What to work on
Could you tally the lines of the entries that carry the string "IFCPOLYGONALFACESET"? Reply with the number and nothing more.

Given data
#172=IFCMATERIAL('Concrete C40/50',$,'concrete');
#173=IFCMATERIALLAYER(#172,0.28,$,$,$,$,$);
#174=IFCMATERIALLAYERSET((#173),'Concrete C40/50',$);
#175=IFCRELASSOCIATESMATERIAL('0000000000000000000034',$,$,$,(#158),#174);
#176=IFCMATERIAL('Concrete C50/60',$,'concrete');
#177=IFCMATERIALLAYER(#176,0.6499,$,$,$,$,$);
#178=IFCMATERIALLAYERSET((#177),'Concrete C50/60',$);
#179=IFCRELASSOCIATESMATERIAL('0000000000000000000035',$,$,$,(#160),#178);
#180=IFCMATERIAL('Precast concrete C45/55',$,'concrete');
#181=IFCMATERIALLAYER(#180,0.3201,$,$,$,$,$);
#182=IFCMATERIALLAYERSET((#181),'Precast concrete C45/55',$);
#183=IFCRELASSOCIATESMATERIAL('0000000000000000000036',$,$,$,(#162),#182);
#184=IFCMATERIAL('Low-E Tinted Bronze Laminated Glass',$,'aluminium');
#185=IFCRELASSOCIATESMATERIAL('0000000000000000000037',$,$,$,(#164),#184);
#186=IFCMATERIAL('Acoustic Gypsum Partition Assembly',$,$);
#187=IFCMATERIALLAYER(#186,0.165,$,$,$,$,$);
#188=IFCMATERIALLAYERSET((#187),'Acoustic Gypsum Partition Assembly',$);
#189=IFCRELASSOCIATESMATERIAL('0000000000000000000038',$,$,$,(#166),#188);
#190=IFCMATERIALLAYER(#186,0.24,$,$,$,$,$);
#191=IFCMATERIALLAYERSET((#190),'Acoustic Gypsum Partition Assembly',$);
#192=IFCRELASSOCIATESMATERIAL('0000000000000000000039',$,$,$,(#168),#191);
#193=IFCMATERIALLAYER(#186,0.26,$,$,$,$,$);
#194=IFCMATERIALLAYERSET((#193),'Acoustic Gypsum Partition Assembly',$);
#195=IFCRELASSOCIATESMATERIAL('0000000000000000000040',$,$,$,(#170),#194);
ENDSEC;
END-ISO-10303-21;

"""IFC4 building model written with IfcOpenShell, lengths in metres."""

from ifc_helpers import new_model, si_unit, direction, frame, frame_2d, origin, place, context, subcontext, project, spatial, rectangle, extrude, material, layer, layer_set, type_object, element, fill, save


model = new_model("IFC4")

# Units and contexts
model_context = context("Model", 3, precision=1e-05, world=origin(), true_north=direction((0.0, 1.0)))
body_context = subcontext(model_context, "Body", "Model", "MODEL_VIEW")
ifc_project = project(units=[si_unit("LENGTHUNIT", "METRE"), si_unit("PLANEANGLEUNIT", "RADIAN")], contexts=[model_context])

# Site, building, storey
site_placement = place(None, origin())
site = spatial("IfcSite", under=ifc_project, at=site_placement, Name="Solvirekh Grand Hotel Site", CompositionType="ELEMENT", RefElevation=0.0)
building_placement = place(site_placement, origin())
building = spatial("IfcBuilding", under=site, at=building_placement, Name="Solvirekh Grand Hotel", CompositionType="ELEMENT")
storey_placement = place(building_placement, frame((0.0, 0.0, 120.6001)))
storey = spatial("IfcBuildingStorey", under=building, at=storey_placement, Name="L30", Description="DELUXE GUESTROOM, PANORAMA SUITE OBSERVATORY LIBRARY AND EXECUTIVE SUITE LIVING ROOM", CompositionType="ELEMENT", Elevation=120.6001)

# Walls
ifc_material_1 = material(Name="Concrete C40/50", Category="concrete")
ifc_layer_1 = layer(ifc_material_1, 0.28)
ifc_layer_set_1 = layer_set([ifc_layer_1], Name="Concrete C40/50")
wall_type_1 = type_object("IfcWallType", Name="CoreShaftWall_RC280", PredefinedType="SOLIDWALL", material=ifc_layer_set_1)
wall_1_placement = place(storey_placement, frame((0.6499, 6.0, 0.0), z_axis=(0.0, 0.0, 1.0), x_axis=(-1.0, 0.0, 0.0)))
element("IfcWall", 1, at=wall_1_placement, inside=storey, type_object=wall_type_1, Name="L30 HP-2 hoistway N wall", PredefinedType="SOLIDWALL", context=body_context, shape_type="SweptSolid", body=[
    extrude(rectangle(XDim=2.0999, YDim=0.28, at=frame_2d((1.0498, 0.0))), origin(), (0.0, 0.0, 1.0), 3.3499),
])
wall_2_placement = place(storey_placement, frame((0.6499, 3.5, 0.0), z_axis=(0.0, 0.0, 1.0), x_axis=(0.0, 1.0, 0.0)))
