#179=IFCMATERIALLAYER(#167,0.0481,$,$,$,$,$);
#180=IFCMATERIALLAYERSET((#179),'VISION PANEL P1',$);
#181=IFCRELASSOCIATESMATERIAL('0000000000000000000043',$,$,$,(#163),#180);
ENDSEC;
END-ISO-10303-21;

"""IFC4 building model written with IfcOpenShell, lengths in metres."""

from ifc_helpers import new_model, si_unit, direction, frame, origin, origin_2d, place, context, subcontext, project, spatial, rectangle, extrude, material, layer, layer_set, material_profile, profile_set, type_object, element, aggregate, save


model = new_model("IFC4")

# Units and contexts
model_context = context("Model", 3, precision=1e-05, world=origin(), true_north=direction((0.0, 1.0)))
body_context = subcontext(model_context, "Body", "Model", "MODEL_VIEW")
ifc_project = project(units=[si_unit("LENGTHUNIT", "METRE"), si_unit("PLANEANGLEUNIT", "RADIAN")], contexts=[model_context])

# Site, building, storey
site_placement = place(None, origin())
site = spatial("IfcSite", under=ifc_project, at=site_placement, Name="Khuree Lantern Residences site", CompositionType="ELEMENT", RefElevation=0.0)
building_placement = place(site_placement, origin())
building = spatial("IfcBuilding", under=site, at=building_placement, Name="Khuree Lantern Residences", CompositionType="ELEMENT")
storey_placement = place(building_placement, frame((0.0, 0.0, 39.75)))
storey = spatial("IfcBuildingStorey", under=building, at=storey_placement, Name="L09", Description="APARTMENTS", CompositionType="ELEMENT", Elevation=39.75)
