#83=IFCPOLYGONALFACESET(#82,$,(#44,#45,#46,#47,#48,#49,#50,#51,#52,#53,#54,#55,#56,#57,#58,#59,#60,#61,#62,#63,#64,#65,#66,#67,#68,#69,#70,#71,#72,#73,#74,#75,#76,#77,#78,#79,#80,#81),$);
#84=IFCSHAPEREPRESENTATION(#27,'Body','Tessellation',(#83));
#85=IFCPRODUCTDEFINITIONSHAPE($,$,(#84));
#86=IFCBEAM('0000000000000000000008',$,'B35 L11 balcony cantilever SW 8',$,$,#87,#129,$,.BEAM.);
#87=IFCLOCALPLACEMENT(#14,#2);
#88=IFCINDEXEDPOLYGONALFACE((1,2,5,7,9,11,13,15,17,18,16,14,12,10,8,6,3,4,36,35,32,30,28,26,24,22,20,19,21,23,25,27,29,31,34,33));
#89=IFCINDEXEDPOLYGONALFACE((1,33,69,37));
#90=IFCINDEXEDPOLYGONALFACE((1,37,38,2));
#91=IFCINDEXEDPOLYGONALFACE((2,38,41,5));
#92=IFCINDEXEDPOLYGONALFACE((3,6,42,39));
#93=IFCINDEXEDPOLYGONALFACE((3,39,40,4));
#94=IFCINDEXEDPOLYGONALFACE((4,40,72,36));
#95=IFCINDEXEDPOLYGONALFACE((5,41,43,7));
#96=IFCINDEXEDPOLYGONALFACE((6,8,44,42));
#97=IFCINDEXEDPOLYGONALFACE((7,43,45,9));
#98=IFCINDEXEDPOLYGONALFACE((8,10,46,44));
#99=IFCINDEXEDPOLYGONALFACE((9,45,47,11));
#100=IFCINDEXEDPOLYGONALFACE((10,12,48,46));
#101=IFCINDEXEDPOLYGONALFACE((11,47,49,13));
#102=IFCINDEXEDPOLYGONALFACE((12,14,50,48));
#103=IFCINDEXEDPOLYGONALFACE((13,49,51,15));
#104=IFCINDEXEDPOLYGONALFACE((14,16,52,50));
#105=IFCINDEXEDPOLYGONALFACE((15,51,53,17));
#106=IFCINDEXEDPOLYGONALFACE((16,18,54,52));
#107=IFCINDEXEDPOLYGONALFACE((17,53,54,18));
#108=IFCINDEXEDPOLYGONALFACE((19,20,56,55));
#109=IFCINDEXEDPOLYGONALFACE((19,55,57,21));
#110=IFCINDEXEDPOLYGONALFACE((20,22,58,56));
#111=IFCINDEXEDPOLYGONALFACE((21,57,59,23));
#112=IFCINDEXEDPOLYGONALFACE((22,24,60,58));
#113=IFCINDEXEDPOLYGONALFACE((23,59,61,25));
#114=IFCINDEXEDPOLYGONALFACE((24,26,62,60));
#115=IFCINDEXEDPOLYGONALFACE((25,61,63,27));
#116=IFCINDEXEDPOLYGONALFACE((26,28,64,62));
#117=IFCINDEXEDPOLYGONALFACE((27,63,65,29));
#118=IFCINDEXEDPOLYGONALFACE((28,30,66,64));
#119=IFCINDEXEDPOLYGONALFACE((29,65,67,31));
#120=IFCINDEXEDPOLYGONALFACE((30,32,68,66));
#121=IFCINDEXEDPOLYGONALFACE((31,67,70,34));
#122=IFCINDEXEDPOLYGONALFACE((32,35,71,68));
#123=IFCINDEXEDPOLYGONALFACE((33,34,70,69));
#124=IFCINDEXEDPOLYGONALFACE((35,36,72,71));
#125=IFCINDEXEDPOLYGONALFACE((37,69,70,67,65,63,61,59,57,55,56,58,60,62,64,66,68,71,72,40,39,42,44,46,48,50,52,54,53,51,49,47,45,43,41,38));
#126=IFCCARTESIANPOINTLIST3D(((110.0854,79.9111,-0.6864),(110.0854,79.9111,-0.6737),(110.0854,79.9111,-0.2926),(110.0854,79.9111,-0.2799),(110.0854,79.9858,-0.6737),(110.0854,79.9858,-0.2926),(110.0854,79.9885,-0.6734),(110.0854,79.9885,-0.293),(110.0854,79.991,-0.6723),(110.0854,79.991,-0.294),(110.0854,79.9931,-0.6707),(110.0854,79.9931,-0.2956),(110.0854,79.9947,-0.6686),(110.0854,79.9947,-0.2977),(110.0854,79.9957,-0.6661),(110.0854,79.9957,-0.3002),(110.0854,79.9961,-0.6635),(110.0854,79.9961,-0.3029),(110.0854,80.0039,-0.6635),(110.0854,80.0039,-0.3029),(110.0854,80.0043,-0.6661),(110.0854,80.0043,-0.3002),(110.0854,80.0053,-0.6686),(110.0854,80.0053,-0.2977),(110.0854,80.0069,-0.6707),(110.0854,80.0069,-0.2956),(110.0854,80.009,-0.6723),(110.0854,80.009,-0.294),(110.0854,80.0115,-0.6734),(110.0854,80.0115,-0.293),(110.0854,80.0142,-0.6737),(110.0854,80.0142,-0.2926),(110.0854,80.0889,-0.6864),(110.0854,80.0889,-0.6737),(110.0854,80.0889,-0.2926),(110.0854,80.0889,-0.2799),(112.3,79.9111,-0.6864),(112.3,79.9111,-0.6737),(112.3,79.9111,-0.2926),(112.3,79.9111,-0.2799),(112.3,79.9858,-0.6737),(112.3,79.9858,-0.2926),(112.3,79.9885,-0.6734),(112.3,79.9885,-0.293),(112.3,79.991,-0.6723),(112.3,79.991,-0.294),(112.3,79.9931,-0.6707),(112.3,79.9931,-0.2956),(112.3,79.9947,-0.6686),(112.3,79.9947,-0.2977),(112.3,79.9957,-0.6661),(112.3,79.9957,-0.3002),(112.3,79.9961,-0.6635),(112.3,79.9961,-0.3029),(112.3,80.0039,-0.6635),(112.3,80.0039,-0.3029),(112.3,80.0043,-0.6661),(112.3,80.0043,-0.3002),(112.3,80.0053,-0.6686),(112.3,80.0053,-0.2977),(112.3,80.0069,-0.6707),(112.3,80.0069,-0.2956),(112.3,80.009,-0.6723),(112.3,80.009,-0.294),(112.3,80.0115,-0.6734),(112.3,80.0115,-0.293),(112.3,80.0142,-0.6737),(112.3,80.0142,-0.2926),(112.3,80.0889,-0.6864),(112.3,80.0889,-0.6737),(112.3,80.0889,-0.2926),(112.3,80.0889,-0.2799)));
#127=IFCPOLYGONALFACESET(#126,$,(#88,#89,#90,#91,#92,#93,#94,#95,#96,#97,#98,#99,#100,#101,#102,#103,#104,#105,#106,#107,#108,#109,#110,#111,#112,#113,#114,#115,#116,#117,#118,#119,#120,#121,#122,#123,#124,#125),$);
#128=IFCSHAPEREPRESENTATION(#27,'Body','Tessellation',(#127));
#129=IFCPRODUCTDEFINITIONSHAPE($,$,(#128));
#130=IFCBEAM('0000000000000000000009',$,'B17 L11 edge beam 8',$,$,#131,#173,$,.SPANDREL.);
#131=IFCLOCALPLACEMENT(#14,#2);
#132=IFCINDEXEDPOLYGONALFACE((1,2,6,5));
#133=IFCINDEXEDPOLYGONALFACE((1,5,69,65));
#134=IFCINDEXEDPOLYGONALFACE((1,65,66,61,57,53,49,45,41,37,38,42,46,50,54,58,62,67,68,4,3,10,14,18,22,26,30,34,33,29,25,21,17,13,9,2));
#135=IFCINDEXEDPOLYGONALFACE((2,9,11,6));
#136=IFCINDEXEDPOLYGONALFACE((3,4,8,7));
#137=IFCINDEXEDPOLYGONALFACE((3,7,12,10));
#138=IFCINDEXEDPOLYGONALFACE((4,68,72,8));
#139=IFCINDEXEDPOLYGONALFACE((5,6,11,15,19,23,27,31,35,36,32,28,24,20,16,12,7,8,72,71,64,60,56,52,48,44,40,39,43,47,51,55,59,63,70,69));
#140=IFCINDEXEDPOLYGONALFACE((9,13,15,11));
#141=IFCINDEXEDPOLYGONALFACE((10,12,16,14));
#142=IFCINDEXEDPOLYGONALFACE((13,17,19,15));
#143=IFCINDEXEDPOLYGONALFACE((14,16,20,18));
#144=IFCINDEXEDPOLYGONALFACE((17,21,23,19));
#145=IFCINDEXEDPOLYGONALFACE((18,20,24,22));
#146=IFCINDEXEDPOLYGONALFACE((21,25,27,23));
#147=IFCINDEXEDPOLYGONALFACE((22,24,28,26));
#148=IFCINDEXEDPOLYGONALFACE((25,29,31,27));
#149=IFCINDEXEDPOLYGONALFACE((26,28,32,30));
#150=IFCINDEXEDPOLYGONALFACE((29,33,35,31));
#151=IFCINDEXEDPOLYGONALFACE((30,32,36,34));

Output for this exercise
2